→ TASK INSTRUCTIONS
Scan the lines below for the string "Tessellation" and report how many lines contain it, giving only the number.

→ SUPPLIED DATA
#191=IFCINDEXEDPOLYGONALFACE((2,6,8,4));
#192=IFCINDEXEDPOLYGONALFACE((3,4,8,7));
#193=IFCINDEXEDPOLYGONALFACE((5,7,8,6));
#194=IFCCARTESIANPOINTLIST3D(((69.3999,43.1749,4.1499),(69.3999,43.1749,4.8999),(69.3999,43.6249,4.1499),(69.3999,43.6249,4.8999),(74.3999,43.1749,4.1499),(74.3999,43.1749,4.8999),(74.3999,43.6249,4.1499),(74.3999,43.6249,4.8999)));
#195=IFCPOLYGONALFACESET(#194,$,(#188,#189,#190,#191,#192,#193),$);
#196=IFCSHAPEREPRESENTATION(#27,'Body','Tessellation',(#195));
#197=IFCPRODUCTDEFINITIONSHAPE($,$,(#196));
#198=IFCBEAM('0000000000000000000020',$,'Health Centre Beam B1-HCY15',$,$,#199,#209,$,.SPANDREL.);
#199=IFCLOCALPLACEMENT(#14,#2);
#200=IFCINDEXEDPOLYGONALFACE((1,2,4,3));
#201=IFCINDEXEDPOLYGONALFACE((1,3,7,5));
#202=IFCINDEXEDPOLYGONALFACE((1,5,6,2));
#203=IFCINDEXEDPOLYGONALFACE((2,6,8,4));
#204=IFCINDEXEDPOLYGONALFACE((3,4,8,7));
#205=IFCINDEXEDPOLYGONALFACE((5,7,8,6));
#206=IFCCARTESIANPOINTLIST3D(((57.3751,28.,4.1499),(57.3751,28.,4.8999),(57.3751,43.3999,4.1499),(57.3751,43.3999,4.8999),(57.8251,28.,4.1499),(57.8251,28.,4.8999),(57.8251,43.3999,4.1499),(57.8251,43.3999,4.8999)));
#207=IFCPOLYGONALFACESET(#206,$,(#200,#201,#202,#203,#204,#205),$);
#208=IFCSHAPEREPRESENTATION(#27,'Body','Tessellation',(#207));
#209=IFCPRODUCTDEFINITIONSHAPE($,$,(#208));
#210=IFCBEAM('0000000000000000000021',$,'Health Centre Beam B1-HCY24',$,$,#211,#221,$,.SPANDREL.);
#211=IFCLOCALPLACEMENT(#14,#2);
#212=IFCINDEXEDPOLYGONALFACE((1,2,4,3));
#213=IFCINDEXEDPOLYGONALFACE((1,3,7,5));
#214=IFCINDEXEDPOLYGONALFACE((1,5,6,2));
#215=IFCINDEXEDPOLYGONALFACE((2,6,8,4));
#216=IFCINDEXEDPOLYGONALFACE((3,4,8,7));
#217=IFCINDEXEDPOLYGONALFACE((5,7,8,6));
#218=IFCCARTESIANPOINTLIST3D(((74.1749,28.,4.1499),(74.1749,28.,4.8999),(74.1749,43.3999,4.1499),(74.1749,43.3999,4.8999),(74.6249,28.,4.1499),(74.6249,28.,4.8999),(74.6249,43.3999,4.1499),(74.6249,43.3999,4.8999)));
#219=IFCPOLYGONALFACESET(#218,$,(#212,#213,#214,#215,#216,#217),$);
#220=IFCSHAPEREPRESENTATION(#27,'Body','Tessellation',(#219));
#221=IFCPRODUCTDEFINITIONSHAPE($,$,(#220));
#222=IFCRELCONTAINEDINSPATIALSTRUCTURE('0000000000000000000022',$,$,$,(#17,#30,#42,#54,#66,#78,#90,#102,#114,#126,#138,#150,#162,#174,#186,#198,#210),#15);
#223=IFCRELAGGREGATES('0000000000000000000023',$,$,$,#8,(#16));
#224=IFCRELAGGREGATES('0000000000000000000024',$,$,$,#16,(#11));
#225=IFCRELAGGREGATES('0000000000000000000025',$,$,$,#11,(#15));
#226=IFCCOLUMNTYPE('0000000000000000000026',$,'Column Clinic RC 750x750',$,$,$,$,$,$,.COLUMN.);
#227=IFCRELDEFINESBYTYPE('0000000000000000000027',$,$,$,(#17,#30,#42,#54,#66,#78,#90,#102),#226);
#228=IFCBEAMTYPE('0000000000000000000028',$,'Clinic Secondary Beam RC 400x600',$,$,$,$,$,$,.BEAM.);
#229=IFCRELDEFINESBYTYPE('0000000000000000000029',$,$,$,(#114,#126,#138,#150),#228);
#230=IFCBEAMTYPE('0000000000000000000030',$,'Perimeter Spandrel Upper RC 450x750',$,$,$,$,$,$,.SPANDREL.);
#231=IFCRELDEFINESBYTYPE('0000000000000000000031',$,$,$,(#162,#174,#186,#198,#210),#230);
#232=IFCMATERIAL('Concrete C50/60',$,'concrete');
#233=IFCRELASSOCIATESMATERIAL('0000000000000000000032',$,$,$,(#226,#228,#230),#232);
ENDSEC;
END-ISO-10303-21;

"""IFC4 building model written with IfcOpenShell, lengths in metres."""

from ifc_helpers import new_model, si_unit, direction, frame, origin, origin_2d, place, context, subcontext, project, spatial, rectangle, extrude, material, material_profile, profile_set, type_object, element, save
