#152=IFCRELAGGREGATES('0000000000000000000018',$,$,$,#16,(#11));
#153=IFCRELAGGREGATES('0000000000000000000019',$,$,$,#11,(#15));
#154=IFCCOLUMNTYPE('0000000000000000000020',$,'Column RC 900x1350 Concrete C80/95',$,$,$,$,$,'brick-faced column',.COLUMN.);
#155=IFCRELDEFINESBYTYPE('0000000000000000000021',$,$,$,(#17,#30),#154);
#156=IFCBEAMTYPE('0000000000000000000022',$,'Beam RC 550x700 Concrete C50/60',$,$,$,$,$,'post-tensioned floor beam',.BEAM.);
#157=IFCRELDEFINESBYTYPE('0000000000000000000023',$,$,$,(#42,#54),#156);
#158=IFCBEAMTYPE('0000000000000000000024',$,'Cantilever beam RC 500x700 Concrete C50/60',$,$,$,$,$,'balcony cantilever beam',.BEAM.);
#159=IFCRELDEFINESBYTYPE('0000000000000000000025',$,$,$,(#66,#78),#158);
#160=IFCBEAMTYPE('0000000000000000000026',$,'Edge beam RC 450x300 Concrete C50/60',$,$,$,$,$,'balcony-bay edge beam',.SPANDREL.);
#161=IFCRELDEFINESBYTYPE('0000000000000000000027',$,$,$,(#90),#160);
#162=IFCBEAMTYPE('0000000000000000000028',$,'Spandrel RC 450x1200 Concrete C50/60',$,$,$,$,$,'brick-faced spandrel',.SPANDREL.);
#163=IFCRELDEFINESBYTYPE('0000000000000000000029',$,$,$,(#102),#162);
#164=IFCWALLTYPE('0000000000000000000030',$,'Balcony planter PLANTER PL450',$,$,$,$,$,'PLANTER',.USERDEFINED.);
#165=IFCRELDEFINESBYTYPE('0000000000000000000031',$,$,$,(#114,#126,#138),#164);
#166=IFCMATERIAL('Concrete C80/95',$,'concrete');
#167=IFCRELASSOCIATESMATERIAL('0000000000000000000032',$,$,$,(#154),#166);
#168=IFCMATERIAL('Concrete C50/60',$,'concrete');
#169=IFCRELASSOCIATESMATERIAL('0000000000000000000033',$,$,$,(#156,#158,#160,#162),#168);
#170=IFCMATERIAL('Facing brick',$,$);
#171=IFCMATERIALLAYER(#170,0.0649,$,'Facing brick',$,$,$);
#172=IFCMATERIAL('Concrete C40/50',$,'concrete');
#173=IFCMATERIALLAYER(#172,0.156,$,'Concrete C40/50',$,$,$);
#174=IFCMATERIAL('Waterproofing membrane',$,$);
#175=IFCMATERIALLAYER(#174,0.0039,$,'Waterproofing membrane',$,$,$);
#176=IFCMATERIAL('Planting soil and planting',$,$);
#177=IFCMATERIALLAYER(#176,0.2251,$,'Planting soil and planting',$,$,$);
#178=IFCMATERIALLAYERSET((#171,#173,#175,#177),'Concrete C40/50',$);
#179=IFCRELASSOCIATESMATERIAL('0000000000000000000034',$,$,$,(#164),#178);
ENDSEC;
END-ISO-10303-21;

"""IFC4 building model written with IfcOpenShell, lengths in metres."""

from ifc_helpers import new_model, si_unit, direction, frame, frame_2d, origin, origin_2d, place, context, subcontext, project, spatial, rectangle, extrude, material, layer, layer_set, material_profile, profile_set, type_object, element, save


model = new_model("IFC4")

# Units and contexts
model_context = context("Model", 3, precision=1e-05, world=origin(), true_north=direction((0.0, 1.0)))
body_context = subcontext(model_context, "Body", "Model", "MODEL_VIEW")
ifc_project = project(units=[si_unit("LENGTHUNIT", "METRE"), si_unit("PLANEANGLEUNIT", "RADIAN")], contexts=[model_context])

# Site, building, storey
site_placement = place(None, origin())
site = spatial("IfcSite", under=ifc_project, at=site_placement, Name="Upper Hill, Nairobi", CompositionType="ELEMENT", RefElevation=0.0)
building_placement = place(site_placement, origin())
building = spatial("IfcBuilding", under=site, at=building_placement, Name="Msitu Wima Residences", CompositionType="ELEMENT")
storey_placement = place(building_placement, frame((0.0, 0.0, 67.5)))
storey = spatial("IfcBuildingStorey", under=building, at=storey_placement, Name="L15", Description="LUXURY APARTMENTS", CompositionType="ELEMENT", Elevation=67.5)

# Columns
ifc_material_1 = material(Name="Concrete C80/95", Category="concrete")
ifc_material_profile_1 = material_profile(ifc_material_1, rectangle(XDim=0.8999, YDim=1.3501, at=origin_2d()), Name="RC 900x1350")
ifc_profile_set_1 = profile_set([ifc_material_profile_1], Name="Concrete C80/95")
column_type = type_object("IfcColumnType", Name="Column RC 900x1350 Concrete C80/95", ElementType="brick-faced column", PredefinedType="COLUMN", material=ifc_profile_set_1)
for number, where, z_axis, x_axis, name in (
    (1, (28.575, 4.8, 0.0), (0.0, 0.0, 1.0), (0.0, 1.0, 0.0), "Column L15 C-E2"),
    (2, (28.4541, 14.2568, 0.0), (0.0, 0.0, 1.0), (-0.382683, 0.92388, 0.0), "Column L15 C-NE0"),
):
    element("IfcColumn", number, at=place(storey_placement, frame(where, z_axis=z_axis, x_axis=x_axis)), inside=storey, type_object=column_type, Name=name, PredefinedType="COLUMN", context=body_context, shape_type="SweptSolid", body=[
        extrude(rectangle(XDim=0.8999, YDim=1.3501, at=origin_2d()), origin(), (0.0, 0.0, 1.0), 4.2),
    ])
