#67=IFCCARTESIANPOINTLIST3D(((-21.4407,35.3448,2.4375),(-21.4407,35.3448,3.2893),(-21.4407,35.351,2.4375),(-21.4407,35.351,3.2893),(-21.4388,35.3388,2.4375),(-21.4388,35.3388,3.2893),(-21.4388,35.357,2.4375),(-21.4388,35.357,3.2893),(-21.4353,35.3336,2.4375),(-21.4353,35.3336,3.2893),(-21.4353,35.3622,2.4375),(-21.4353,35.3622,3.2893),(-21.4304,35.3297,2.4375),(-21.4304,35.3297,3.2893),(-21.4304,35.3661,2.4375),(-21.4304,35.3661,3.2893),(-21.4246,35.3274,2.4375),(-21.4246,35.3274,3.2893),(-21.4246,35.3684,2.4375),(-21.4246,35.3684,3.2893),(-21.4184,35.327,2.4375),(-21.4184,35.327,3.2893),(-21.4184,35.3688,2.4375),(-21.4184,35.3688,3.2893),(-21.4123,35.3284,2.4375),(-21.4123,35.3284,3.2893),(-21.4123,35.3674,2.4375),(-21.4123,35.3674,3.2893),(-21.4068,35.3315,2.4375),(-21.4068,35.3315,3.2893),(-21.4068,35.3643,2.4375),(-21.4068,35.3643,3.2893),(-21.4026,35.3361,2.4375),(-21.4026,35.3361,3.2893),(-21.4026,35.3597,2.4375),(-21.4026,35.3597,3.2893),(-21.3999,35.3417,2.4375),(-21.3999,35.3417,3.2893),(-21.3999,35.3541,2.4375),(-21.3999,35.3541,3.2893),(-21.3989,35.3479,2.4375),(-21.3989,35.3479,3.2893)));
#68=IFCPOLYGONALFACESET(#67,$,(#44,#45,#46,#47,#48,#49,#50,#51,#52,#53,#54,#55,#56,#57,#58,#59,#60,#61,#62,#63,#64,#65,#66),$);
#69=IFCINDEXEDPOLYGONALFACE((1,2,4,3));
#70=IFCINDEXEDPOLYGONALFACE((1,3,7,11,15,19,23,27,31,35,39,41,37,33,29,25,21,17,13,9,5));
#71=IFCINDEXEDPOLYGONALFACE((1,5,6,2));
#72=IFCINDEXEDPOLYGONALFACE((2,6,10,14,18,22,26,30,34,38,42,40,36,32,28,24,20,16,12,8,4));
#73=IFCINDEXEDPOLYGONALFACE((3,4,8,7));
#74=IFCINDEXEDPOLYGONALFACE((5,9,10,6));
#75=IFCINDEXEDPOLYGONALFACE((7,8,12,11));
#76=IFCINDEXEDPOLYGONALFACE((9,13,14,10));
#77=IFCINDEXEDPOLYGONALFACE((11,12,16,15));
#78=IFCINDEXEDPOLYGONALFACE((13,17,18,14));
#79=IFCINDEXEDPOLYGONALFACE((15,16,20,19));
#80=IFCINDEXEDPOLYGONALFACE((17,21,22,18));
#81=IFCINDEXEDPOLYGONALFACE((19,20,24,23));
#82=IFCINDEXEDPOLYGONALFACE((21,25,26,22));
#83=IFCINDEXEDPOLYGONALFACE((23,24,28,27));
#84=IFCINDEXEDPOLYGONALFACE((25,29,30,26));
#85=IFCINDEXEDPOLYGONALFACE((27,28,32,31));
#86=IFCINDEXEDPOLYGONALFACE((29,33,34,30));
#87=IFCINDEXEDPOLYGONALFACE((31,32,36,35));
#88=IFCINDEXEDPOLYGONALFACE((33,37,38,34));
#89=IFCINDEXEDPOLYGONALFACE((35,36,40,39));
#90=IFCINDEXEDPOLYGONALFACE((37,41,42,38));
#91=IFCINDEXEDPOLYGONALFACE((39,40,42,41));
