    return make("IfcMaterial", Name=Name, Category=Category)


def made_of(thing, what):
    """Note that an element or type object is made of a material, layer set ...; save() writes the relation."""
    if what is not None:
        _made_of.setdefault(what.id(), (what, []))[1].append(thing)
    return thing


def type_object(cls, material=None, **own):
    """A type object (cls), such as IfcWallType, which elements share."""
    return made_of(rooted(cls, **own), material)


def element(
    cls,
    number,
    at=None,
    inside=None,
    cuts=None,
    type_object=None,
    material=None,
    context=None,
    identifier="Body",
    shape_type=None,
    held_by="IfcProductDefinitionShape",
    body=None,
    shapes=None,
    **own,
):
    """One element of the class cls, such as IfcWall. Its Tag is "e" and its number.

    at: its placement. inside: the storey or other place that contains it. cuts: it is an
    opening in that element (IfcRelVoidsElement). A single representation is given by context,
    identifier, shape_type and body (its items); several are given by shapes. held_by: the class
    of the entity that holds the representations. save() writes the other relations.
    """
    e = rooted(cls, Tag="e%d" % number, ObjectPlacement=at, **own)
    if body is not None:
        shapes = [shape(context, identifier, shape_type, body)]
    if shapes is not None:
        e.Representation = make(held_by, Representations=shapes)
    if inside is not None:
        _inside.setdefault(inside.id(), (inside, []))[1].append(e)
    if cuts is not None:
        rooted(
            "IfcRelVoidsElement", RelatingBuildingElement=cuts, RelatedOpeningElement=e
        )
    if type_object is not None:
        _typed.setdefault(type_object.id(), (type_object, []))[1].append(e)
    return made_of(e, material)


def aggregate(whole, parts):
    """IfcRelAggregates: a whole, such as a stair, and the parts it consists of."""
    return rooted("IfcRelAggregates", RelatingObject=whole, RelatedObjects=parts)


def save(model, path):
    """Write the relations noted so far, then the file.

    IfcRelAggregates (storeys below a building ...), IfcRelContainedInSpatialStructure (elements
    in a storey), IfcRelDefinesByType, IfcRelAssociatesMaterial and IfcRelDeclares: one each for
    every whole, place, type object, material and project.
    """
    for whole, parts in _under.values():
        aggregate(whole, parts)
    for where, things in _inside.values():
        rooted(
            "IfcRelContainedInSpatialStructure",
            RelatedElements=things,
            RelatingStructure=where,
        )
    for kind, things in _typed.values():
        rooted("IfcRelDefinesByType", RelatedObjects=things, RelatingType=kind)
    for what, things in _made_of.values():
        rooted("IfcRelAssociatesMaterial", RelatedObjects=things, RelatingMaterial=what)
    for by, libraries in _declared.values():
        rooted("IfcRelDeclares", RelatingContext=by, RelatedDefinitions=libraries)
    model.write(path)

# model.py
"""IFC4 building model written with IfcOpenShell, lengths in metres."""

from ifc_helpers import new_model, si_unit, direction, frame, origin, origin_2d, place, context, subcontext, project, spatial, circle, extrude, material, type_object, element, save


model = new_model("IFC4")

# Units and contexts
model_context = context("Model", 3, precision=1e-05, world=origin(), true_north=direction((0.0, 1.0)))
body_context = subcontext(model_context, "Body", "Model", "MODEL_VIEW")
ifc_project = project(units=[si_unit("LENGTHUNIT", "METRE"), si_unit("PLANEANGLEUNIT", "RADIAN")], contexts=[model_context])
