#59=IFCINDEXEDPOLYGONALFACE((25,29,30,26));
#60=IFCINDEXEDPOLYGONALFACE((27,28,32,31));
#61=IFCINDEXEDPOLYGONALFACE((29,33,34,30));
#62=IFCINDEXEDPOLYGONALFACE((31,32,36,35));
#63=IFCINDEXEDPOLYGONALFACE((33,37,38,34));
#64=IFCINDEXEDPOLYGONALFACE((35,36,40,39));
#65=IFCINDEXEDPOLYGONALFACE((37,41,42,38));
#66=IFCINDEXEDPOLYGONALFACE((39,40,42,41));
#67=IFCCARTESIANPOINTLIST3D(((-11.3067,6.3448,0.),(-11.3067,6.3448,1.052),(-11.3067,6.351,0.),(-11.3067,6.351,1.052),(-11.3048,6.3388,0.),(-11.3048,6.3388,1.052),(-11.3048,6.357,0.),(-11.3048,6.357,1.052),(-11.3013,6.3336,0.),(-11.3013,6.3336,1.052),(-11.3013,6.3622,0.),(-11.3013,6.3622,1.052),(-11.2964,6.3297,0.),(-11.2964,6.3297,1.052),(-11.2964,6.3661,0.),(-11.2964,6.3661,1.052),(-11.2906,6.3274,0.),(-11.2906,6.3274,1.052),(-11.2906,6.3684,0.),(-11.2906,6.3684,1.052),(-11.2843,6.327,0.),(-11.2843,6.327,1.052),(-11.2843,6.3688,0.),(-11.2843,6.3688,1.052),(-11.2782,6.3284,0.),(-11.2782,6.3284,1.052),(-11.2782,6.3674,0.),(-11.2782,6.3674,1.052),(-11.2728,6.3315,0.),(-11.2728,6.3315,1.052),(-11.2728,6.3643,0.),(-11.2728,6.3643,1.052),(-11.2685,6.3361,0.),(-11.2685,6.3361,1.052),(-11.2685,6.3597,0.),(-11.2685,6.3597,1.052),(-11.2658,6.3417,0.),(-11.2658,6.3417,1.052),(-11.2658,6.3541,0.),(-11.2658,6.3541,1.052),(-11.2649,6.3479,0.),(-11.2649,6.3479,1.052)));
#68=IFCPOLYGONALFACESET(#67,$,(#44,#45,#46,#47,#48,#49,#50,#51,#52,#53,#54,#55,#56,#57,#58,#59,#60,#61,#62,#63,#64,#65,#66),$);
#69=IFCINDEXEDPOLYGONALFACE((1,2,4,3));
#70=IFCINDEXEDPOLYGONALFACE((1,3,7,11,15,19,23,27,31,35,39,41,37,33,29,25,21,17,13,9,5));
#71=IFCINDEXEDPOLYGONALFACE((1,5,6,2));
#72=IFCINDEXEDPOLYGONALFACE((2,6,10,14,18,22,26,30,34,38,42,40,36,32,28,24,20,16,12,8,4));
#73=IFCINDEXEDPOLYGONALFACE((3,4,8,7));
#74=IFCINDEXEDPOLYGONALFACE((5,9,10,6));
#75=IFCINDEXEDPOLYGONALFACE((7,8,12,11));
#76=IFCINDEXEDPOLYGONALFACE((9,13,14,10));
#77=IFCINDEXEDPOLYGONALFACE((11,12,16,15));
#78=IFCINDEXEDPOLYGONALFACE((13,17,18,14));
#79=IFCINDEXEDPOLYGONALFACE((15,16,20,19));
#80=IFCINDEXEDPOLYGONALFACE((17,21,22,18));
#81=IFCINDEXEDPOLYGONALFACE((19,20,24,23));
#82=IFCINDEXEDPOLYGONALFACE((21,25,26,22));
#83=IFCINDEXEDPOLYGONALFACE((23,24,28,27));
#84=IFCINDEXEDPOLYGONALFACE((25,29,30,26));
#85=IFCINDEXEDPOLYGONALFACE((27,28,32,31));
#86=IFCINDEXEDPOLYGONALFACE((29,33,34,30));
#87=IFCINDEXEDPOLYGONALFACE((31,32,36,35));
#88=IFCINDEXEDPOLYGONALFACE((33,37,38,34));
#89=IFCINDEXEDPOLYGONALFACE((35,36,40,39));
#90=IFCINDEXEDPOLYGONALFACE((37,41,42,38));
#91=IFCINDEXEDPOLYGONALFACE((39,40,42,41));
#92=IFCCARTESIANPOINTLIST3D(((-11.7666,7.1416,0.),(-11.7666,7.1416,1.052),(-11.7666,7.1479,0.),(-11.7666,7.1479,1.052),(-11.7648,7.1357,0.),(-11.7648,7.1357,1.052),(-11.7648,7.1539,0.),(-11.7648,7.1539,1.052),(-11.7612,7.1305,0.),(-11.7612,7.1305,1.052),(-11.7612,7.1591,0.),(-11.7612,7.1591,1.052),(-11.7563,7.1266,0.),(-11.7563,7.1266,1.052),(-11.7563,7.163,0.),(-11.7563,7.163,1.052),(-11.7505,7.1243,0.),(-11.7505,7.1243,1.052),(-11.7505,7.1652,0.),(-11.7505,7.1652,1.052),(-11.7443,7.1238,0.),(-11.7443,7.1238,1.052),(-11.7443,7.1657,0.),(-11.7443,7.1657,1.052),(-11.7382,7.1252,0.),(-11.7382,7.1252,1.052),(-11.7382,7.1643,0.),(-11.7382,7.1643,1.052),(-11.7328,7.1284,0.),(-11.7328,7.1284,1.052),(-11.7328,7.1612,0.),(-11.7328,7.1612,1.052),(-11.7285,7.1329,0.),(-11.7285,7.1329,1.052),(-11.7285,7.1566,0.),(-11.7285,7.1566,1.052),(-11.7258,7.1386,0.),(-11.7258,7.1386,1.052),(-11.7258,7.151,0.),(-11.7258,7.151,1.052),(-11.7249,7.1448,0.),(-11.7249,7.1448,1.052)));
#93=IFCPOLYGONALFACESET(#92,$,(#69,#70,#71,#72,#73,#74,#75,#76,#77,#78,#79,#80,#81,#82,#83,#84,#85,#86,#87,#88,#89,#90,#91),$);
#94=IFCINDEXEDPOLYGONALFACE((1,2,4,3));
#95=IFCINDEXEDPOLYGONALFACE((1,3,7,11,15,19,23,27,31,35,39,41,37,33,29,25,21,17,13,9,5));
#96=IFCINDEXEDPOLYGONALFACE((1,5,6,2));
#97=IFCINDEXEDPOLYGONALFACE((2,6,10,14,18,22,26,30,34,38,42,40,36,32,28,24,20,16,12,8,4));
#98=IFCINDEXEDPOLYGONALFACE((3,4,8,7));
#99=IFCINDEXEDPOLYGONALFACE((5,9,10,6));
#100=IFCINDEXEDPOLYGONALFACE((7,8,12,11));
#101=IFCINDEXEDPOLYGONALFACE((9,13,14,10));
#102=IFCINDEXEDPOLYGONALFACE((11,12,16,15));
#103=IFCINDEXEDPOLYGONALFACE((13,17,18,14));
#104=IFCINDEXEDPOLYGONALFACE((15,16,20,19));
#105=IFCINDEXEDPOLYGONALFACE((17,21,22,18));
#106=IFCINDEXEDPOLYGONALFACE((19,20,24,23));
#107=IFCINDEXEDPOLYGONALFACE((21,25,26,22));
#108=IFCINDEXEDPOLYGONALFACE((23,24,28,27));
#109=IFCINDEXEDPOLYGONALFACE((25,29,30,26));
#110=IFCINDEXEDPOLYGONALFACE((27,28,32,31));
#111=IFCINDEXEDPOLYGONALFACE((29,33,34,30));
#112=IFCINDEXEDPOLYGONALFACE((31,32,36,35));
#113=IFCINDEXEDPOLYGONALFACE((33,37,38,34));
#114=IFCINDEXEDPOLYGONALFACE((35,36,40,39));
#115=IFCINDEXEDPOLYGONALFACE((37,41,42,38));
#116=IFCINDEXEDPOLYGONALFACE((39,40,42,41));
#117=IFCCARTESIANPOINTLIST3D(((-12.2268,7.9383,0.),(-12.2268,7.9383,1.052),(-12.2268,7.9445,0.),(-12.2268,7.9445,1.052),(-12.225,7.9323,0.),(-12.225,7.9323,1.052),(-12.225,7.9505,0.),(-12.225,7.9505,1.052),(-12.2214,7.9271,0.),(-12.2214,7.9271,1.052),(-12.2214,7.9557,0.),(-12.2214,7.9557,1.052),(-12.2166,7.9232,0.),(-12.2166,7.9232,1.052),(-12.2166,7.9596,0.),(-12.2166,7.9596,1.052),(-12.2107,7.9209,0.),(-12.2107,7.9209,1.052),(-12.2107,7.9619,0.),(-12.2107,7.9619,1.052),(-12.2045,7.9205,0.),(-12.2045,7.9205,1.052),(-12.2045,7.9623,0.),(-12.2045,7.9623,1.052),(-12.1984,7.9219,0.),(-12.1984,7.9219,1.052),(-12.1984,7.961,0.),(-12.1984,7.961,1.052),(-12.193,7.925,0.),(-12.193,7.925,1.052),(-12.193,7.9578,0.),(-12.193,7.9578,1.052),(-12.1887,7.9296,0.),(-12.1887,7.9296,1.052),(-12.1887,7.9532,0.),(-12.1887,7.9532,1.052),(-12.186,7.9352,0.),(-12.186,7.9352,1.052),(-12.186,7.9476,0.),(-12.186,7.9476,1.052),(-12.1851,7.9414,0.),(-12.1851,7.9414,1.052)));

→ EXERCISE RESPONSE
3